> Exercise goal: Restate word for word the entries below, starting with the line with "#143=IFCINDEXEDPOLYGONALFACE((62,70,72,64));" and continuing through the line with "#151=IFCINDEXEDPOLYGONALFACE((80,83,84,82));". Include both of those lines and no others.
────────────────────
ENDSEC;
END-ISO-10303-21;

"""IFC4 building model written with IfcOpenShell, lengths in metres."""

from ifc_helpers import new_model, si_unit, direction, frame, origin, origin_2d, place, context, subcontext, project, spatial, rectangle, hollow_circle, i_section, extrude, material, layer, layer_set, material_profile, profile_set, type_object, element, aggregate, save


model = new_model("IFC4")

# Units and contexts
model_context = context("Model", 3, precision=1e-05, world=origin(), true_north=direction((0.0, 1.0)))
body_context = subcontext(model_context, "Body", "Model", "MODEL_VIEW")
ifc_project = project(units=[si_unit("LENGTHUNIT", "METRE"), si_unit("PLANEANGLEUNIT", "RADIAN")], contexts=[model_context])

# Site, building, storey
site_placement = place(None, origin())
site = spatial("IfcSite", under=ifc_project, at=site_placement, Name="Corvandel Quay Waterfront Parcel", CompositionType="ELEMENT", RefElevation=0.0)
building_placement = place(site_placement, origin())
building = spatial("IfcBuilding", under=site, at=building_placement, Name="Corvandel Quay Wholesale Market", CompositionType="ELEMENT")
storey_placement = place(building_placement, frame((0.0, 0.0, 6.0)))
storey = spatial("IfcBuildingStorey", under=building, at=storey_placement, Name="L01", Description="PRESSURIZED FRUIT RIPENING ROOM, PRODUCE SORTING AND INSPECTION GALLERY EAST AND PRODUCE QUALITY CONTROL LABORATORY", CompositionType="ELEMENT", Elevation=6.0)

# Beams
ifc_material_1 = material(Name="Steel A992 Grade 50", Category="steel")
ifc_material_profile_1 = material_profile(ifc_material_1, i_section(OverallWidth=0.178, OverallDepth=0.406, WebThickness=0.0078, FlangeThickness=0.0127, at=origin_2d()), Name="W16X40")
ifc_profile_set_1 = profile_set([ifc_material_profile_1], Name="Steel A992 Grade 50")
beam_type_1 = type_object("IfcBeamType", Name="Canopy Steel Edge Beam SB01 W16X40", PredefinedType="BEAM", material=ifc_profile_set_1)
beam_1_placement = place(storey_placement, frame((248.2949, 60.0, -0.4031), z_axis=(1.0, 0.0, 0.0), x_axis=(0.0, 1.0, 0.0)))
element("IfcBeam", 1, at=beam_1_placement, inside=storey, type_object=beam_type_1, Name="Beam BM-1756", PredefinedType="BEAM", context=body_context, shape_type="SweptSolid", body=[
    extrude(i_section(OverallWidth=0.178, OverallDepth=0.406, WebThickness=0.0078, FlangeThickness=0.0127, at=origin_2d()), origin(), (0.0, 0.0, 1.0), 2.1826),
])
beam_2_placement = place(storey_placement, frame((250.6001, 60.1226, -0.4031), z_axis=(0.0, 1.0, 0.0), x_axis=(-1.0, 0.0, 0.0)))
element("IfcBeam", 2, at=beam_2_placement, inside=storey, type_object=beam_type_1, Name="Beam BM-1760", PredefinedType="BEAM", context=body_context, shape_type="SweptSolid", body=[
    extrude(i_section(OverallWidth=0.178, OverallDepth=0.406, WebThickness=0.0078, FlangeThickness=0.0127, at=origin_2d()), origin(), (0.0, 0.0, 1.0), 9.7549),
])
────────────────────
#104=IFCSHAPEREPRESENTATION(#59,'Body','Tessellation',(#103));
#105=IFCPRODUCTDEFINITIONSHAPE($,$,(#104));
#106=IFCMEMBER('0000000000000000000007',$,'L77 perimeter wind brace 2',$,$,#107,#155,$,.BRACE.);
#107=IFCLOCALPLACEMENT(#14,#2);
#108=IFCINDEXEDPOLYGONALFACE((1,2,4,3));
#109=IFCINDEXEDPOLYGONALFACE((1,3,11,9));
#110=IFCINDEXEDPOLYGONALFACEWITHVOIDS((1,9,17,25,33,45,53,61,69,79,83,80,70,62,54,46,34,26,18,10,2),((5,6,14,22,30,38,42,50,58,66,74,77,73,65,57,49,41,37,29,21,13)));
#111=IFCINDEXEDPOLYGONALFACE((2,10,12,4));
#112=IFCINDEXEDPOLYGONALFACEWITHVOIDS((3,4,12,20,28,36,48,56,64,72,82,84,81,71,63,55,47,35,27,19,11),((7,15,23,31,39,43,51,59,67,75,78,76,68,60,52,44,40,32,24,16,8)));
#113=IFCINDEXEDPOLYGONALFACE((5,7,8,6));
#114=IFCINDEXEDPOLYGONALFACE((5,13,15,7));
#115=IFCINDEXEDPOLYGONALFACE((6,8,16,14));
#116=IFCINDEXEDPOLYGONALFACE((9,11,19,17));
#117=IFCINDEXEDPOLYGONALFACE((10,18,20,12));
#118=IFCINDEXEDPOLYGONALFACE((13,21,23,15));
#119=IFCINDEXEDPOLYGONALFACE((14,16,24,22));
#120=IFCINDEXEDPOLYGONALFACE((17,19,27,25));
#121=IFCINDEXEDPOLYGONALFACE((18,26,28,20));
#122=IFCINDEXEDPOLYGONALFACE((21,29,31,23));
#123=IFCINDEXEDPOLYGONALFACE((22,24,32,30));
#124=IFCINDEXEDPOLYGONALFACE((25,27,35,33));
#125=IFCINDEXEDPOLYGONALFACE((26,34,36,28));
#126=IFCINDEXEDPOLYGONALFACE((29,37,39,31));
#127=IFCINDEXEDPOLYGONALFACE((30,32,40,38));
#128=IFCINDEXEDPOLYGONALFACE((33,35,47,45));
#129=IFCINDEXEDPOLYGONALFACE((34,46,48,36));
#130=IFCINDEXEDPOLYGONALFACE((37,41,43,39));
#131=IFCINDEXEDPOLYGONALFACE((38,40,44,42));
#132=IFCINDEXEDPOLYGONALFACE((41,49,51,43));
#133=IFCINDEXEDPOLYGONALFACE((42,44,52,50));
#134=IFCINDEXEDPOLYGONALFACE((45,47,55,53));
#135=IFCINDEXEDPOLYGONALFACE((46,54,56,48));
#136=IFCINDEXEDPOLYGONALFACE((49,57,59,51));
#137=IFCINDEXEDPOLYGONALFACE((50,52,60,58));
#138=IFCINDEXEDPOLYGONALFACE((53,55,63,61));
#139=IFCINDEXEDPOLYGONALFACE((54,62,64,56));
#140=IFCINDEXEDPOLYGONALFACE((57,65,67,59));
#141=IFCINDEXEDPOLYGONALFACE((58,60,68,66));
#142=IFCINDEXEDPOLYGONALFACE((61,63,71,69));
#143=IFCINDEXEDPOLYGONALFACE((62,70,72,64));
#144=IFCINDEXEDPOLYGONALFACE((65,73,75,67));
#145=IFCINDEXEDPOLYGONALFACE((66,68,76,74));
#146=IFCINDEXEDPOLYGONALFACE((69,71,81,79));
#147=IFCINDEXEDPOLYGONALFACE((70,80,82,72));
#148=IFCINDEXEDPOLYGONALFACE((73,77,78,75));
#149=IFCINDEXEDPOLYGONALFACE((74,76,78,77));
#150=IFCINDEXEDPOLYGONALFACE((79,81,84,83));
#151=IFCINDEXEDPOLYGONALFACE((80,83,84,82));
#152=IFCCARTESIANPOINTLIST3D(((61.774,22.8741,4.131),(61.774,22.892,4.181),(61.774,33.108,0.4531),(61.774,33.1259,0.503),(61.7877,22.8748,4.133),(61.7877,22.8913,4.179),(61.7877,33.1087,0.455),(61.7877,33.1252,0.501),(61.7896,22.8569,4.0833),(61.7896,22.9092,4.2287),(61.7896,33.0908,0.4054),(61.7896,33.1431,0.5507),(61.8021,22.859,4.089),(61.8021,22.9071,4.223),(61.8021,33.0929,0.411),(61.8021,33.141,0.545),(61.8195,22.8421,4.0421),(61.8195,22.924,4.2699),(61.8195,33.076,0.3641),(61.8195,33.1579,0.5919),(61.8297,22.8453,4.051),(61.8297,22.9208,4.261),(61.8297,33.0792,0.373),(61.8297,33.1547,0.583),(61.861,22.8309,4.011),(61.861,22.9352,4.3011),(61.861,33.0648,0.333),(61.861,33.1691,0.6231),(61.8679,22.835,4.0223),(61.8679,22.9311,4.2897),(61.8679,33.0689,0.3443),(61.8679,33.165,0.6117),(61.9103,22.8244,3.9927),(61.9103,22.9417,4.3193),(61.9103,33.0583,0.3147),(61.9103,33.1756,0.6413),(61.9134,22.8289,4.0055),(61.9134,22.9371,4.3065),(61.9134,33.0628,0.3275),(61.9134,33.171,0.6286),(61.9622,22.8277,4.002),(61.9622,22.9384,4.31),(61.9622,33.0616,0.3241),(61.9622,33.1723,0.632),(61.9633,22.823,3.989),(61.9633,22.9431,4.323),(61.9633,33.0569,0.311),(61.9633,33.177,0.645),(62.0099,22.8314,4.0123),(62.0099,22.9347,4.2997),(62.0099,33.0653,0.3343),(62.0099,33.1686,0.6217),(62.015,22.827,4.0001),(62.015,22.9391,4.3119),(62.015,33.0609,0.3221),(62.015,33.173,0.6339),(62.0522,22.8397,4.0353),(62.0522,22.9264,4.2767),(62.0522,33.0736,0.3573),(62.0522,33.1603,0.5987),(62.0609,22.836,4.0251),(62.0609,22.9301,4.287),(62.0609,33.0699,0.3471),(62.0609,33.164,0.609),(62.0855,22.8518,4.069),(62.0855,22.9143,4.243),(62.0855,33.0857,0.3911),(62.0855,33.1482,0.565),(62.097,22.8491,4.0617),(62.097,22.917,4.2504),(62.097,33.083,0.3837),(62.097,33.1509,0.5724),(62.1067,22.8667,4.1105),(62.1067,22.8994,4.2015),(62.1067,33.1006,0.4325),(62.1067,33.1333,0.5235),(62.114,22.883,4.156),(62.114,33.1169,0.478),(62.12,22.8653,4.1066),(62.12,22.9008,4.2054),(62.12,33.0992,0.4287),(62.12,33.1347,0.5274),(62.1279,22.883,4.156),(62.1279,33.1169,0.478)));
────────────────────
> Answer box:
#143=IFCINDEXEDPOLYGONALFACE((62,70,72,64));
#144=IFCINDEXEDPOLYGONALFACE((65,73,75,67));
#145=IFCINDEXEDPOLYGONALFACE((66,68,76,74));
#146=IFCINDEXEDPOLYGONALFACE((69,71,81,79));
#147=IFCINDEXEDPOLYGONALFACE((70,80,82,72));
#148=IFCINDEXEDPOLYGONALFACE((73,77,78,75));
#149=IFCINDEXEDPOLYGONALFACE((74,76,78,77));
#150=IFCINDEXEDPOLYGONALFACE((79,81,84,83));
#151=IFCINDEXEDPOLYGONALFACE((80,83,84,82));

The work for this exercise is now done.